- How to complete this task -
Work out how many lines of the records hold the string "FlangeThickness", and reply with that number alone.

- The records -
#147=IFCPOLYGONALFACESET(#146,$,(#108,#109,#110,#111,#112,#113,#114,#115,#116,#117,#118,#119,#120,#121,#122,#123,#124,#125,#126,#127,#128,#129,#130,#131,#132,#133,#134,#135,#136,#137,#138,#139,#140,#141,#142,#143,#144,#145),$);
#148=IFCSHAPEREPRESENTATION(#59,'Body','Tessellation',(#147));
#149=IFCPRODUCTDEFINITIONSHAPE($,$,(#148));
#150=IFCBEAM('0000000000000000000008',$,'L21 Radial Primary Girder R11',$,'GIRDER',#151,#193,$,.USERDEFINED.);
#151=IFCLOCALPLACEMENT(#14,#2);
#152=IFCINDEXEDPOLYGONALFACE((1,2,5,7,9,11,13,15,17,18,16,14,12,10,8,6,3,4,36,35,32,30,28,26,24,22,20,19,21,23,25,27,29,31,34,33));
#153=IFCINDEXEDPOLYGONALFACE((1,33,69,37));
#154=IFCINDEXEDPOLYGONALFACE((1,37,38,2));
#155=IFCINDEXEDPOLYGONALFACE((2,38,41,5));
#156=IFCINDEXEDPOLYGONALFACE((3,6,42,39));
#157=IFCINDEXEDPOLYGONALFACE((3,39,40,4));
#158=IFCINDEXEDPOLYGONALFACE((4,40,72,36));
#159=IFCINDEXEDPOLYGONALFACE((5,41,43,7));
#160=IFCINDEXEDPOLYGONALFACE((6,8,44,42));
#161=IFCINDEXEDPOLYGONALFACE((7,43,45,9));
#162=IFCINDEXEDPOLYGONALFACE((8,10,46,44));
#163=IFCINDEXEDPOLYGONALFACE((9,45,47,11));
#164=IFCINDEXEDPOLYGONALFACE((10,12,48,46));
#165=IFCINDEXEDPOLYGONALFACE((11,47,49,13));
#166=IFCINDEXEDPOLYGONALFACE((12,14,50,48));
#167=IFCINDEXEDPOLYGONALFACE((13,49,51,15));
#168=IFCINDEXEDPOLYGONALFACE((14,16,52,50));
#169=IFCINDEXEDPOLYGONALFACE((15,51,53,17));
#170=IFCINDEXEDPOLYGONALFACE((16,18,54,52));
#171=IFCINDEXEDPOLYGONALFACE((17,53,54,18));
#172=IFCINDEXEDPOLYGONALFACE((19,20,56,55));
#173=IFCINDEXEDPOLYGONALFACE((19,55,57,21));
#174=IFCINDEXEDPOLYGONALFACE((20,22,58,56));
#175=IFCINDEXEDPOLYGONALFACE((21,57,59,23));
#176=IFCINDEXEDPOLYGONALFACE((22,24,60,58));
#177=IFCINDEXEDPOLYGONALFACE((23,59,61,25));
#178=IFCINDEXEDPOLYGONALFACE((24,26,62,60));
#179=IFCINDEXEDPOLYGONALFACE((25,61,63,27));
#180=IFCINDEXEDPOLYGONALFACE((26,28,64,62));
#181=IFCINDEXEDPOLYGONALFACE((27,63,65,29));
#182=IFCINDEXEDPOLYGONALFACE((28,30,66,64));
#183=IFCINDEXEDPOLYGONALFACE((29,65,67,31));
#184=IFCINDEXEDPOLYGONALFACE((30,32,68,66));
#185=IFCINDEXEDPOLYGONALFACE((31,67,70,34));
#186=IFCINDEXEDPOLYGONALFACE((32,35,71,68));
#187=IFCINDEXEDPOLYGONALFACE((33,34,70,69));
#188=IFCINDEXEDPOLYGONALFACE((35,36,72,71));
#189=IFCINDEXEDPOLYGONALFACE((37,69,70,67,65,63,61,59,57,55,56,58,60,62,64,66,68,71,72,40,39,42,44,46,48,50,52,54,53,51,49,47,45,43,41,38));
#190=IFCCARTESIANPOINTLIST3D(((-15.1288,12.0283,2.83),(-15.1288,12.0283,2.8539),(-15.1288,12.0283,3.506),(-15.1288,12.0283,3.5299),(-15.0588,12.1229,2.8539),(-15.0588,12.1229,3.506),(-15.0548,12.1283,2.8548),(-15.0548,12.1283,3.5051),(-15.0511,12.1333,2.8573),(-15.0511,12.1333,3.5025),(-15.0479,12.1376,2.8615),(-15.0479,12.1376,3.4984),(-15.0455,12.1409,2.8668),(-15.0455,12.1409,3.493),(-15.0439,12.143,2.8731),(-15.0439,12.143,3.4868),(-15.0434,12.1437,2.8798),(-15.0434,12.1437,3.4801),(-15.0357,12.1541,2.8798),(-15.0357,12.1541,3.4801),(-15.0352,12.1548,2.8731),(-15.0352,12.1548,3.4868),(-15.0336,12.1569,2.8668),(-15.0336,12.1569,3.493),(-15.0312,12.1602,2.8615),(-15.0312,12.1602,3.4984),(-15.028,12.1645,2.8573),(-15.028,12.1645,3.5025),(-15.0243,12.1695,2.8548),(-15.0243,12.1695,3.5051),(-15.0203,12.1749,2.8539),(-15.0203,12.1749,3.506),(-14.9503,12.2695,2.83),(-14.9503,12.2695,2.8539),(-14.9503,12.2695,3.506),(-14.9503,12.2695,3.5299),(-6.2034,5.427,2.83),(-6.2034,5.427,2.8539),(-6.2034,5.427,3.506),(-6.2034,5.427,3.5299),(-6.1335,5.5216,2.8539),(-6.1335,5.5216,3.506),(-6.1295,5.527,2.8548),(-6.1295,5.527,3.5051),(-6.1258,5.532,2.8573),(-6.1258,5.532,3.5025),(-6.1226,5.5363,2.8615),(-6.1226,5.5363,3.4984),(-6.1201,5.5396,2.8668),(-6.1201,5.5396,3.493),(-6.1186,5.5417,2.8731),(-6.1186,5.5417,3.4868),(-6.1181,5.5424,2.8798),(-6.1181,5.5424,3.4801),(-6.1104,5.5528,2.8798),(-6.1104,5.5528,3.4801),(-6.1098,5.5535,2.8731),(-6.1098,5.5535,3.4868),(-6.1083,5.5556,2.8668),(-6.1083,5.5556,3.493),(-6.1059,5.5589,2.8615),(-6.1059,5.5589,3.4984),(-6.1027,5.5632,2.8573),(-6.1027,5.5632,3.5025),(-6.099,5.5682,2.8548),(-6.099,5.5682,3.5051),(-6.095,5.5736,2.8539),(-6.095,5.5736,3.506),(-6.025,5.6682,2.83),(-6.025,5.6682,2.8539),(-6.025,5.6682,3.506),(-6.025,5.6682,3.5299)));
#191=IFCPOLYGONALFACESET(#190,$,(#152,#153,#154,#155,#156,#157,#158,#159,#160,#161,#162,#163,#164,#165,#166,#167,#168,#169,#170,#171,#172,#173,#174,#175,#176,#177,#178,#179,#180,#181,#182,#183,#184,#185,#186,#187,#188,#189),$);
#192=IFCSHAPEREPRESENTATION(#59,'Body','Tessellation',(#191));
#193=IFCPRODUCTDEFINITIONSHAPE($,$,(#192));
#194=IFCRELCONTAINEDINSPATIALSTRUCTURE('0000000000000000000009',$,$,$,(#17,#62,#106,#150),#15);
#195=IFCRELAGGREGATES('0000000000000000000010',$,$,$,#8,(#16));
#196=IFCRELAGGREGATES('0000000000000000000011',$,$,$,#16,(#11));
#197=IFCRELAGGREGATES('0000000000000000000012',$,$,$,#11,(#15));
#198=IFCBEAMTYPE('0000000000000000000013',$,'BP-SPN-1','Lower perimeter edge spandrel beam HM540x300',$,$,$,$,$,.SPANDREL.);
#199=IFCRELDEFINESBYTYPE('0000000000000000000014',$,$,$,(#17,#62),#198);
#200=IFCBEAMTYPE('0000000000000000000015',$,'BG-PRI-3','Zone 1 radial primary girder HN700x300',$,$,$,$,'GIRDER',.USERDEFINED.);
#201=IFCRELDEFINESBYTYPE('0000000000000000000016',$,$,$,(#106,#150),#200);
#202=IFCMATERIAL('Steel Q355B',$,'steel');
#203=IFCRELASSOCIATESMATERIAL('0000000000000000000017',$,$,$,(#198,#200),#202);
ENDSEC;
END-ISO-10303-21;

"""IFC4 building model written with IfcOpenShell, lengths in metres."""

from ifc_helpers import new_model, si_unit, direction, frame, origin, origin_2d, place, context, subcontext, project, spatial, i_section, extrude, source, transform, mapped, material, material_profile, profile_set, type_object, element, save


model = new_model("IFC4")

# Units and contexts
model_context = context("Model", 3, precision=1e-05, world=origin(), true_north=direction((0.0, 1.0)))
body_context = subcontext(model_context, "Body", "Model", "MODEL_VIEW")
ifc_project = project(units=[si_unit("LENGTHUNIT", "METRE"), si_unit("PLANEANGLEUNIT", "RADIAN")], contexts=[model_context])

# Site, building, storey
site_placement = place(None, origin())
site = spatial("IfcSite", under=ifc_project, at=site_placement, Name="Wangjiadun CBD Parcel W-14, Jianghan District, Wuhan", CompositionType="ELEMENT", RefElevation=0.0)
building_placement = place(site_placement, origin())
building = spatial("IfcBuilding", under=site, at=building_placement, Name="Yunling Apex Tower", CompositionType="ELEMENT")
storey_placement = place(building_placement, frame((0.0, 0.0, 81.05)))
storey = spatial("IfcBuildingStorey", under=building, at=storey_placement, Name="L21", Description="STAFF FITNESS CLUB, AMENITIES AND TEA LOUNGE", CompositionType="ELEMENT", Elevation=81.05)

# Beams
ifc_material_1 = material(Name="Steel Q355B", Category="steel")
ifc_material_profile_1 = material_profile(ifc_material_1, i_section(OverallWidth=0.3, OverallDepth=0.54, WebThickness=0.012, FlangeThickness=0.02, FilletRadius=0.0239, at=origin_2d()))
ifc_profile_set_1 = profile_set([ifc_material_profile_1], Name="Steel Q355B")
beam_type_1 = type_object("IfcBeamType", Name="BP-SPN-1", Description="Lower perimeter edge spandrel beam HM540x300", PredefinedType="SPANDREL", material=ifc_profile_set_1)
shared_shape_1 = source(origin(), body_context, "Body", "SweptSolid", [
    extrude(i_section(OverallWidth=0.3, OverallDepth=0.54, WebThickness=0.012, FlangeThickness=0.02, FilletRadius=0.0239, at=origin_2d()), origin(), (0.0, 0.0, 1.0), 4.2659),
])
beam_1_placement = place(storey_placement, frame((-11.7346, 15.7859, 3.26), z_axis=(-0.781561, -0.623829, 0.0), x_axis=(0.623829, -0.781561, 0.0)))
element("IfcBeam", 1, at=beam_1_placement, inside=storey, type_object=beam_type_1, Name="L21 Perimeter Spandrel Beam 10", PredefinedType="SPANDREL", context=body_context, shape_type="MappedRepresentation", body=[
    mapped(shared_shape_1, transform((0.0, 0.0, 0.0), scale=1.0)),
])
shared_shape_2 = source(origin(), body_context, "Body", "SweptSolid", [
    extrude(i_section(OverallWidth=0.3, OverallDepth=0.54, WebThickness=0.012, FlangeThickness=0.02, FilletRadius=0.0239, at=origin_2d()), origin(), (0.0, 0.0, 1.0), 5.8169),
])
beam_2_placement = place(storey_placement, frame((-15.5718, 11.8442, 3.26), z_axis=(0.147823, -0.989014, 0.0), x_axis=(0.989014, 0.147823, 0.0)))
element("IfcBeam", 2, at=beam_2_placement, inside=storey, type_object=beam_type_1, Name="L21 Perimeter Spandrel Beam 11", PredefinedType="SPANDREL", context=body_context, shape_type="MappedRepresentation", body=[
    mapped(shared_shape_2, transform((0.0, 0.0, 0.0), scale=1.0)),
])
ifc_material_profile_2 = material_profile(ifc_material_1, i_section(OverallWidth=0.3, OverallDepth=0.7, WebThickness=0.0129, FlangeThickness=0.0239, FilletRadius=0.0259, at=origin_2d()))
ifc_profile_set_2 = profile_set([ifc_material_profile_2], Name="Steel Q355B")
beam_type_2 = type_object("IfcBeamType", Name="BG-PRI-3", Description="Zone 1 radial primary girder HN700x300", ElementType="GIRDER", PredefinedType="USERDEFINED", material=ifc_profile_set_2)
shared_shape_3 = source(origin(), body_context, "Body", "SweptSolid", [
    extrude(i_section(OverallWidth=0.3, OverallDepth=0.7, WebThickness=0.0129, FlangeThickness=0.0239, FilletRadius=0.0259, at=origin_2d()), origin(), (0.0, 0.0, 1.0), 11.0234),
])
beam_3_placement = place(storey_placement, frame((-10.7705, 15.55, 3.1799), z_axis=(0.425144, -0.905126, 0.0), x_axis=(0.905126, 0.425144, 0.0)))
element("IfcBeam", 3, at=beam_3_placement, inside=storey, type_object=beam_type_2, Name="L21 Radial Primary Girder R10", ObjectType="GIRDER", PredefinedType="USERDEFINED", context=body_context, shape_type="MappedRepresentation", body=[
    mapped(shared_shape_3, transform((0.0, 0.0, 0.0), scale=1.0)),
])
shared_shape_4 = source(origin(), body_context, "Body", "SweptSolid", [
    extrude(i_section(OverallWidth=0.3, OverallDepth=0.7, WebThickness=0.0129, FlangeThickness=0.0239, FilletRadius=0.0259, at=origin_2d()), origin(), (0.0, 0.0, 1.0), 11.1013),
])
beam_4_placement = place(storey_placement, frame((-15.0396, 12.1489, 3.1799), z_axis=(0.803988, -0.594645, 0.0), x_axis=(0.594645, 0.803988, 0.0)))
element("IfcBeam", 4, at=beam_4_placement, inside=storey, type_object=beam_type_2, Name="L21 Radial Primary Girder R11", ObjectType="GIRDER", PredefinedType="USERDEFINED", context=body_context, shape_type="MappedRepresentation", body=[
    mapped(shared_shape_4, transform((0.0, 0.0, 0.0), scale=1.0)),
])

- Exercise result -
6